The task: Each line of the data below from the one holding "#62=IFCINDEXEDPOLYGONALFACE((1,5,7,3));" to the one holding "#65=IFCINDEXEDPOLYGONALFACE((5,6,8,7));", inclusive, is to be reproduced exactly; no other line belongs in the answer.

Supplied entries:
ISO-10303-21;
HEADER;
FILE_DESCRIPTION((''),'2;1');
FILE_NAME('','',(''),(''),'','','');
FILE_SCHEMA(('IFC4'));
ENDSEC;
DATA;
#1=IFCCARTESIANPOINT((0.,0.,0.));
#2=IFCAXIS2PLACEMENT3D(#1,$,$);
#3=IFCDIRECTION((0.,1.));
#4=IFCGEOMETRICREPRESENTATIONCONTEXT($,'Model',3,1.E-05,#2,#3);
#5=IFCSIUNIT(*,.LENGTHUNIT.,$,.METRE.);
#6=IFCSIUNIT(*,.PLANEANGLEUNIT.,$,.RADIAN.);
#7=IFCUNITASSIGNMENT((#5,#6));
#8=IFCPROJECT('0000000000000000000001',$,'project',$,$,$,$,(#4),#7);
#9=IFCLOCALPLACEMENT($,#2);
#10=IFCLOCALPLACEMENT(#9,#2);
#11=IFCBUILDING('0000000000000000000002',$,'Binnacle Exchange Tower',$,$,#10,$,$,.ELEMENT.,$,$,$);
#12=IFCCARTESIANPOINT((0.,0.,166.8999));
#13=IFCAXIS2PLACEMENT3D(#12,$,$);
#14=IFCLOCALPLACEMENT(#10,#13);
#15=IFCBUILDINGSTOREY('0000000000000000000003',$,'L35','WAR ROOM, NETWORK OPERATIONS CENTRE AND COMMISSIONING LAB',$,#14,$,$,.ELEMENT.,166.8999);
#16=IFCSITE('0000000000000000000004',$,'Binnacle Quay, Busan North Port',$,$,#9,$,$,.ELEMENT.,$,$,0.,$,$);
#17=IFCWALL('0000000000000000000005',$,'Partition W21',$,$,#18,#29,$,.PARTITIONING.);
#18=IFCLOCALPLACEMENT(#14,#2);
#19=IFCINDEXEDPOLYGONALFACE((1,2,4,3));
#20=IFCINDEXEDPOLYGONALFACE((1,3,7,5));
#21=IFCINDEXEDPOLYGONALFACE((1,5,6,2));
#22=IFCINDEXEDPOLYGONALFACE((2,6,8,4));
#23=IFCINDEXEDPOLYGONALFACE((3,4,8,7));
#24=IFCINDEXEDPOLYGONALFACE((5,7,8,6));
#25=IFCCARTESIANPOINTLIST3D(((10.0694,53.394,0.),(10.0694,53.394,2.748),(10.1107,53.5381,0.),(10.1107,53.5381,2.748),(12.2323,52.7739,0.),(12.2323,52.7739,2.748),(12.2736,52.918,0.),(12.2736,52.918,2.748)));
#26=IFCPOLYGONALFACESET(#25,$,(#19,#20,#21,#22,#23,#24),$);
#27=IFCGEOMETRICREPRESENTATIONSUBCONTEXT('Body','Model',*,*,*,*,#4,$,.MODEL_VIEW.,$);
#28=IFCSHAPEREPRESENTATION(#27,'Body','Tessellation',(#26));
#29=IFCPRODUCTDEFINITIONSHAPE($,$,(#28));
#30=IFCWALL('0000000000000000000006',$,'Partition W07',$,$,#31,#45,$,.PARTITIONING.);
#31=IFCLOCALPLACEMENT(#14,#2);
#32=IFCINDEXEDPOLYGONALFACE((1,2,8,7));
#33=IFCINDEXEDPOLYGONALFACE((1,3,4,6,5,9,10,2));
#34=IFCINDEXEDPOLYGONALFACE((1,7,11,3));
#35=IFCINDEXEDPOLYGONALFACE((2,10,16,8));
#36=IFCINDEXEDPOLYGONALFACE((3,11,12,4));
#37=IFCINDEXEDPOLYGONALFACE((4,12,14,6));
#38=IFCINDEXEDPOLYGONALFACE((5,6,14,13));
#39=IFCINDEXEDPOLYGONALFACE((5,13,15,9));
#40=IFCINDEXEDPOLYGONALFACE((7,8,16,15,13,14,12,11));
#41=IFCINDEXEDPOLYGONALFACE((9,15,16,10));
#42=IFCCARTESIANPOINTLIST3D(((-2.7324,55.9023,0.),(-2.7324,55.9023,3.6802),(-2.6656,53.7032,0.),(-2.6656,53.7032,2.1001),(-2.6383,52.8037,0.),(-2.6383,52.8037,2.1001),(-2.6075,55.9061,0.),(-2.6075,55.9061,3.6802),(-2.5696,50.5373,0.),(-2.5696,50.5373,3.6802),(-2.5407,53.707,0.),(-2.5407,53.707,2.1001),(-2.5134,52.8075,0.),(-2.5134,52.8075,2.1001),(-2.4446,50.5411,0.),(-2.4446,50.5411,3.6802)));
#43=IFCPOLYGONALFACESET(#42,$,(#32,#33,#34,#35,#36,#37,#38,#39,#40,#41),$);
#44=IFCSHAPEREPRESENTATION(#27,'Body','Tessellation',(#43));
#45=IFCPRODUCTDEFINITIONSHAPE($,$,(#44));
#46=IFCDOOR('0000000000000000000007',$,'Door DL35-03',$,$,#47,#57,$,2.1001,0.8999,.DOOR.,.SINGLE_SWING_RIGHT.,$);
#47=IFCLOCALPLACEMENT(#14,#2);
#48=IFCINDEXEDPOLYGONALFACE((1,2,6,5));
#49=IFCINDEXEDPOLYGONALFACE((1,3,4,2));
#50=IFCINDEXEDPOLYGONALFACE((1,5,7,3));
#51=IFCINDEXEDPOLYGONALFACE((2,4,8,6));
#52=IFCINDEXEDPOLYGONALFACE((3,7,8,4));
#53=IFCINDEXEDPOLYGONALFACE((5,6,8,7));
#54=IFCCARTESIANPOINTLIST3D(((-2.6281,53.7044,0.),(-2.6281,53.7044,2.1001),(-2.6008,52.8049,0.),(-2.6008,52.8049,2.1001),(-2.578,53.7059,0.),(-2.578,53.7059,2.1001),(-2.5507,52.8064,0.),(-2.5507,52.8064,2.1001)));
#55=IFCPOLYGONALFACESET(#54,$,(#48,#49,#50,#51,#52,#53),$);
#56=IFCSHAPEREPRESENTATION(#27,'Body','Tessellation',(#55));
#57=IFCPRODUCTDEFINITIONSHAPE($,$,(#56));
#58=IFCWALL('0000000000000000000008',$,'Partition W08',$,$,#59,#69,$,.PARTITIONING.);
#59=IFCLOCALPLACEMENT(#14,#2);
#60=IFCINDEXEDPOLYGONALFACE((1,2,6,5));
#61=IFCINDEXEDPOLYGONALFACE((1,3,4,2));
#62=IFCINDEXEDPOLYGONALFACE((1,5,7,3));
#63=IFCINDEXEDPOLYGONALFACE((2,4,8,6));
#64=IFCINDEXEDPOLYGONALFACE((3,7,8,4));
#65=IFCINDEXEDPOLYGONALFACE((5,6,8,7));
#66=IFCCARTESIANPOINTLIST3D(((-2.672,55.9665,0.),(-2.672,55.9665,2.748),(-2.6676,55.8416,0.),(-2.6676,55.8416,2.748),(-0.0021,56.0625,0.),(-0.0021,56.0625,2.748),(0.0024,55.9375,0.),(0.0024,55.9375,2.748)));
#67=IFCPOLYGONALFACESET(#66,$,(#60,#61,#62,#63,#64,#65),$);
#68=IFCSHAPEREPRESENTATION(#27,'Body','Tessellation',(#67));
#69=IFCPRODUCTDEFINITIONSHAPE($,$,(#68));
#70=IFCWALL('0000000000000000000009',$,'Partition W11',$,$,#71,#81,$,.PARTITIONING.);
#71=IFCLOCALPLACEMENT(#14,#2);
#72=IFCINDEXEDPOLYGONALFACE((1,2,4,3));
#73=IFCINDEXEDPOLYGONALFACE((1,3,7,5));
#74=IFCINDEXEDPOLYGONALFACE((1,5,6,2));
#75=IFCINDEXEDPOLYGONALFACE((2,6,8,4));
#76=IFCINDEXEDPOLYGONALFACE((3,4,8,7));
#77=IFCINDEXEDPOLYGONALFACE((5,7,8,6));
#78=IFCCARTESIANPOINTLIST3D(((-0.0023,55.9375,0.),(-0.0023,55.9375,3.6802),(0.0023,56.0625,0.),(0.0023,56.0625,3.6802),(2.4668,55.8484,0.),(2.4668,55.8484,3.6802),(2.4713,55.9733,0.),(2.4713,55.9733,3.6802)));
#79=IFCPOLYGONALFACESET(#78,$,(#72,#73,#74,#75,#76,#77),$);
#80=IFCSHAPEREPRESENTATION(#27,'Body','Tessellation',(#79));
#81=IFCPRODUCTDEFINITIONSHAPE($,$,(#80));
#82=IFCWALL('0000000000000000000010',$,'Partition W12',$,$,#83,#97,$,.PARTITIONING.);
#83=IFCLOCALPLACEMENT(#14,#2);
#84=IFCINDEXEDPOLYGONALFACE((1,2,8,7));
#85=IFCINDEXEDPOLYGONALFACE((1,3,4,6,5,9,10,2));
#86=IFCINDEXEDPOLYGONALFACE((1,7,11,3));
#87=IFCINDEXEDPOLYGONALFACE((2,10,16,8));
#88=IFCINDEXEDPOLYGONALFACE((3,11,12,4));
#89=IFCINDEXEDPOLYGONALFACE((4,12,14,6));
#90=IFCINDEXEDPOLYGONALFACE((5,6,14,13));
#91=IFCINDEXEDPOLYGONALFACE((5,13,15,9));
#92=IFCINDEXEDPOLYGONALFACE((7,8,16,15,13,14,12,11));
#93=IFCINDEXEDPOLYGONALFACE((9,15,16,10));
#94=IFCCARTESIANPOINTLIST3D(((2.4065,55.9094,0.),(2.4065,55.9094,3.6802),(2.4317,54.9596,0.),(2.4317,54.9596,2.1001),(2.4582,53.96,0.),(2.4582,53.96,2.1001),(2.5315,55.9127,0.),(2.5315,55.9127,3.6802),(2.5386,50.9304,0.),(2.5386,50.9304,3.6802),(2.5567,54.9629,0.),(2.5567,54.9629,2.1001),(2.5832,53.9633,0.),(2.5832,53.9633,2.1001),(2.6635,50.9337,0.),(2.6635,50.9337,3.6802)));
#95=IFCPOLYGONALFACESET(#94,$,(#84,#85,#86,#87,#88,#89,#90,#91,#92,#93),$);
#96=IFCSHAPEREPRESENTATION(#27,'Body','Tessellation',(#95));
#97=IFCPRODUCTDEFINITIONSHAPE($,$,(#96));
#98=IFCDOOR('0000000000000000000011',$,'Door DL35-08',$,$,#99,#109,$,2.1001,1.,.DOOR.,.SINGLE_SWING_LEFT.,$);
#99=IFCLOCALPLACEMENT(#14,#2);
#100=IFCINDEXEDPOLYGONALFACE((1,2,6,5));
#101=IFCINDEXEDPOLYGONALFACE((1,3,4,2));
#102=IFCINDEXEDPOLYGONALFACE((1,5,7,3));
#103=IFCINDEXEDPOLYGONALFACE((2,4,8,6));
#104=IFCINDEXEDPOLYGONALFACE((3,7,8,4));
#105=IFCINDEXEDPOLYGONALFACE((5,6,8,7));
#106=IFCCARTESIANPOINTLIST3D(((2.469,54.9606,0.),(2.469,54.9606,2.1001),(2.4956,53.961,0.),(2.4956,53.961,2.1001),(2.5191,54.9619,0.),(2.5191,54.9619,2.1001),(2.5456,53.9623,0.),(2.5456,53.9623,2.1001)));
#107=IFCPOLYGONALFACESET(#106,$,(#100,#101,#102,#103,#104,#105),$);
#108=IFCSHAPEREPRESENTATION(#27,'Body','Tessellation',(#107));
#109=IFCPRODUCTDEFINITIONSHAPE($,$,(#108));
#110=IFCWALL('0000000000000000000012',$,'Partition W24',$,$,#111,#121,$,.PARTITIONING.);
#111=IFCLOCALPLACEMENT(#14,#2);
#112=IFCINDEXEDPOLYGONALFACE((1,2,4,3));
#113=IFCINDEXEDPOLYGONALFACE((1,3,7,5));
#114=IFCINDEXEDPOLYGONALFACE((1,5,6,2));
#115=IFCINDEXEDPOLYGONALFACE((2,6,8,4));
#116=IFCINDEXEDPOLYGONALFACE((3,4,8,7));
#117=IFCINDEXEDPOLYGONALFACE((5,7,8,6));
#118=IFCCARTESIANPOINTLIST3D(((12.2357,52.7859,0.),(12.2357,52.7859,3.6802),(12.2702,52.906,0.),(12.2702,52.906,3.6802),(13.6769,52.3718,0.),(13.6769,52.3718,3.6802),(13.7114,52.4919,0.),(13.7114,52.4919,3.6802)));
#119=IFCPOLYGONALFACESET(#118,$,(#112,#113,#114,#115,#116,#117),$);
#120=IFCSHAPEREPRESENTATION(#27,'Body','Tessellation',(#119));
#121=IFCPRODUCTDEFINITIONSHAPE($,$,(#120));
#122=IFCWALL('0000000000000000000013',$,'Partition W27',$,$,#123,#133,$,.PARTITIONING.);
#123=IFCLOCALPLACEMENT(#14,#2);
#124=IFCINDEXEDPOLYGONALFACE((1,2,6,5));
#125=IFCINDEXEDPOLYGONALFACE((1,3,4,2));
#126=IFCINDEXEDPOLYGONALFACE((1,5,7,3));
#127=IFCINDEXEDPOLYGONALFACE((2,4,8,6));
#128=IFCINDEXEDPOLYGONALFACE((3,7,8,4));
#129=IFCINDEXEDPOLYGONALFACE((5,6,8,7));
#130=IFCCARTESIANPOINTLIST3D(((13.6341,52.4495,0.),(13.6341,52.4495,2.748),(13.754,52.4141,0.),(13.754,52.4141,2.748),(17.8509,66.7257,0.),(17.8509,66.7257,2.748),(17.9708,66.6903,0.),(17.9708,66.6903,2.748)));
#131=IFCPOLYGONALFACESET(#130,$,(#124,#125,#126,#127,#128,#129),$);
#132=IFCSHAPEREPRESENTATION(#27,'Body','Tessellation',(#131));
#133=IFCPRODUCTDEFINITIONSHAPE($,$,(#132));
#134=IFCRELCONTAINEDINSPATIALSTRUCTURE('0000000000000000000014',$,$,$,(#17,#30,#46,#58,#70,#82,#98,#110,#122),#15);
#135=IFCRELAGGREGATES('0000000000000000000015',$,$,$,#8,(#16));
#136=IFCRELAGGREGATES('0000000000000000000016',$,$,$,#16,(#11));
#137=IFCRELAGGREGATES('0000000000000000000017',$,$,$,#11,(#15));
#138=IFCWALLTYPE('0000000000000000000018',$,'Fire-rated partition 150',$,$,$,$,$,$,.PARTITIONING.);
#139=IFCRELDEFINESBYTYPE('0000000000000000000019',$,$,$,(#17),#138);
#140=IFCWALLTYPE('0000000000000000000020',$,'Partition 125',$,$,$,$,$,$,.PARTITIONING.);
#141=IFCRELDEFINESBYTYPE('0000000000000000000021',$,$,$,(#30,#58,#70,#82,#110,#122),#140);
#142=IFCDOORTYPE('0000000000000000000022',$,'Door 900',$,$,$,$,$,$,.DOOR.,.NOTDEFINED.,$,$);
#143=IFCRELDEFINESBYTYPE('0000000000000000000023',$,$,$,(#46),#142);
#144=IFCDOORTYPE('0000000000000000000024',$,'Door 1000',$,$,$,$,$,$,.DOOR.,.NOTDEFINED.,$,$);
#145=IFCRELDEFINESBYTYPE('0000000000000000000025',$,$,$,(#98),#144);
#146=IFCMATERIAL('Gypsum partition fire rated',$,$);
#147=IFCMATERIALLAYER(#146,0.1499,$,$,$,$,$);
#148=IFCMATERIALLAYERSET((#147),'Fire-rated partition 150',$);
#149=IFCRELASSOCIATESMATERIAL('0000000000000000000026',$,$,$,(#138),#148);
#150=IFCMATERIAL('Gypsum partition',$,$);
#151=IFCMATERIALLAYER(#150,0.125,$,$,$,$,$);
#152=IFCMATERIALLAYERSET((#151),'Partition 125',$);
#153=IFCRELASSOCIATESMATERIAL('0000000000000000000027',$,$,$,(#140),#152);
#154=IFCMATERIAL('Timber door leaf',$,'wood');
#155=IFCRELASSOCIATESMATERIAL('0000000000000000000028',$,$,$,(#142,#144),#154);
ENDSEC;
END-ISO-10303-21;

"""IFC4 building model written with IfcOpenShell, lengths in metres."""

from ifc_helpers import new_model, si_unit, direction, frame, frame_2d, origin, place, context, subcontext, project, spatial, rectangle, extrude, material, layer, layer_set, type_object, element, fill, save


model = new_model("IFC4")

# Units and contexts
model_context = context("Model", 3, precision=1e-05, world=origin(), true_north=direction((0.0, 1.0)))
body_context = subcontext(model_context, "Body", "Model", "MODEL_VIEW")
ifc_project = project(units=[si_unit("LENGTHUNIT", "METRE"), si_unit("PLANEANGLEUNIT", "RADIAN")], contexts=[model_context])

# Site, building, storey
site_placement = place(None, origin())
site = spatial("IfcSite", under=ifc_project, at=site_placement, Name="Binnacle Quay, Busan North Port", CompositionType="ELEMENT", RefElevation=0.0)
building_placement = place(site_placement, origin())
building = spatial("IfcBuilding", under=site, at=building_placement, Name="Binnacle Exchange Tower", CompositionType="ELEMENT")
storey_placement = place(building_placement, frame((0.0, 0.0, 166.8999)))
storey = spatial("IfcBuildingStorey", under=building, at=storey_placement, Name="L35", Description="WAR ROOM, NETWORK OPERATIONS CENTRE AND COMMISSIONING LAB", CompositionType="ELEMENT", Elevation=166.8999)

# Shared definitions
ifc_material_1 = material(Name="Gypsum partition fire rated")
ifc_layer_1 = layer(ifc_material_1, 0.1499)
ifc_layer_set_1 = layer_set([ifc_layer_1], Name="Fire-rated partition 150")
wall_type_1 = type_object("IfcWallType", Name="Fire-rated partition 150", PredefinedType="PARTITIONING", material=ifc_layer_set_1)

Exercise solution:
#62=IFCINDEXEDPOLYGONALFACE((1,5,7,3));
#63=IFCINDEXEDPOLYGONALFACE((2,4,8,6));
#64=IFCINDEXEDPOLYGONALFACE((3,7,8,4));
#65=IFCINDEXEDPOLYGONALFACE((5,6,8,7));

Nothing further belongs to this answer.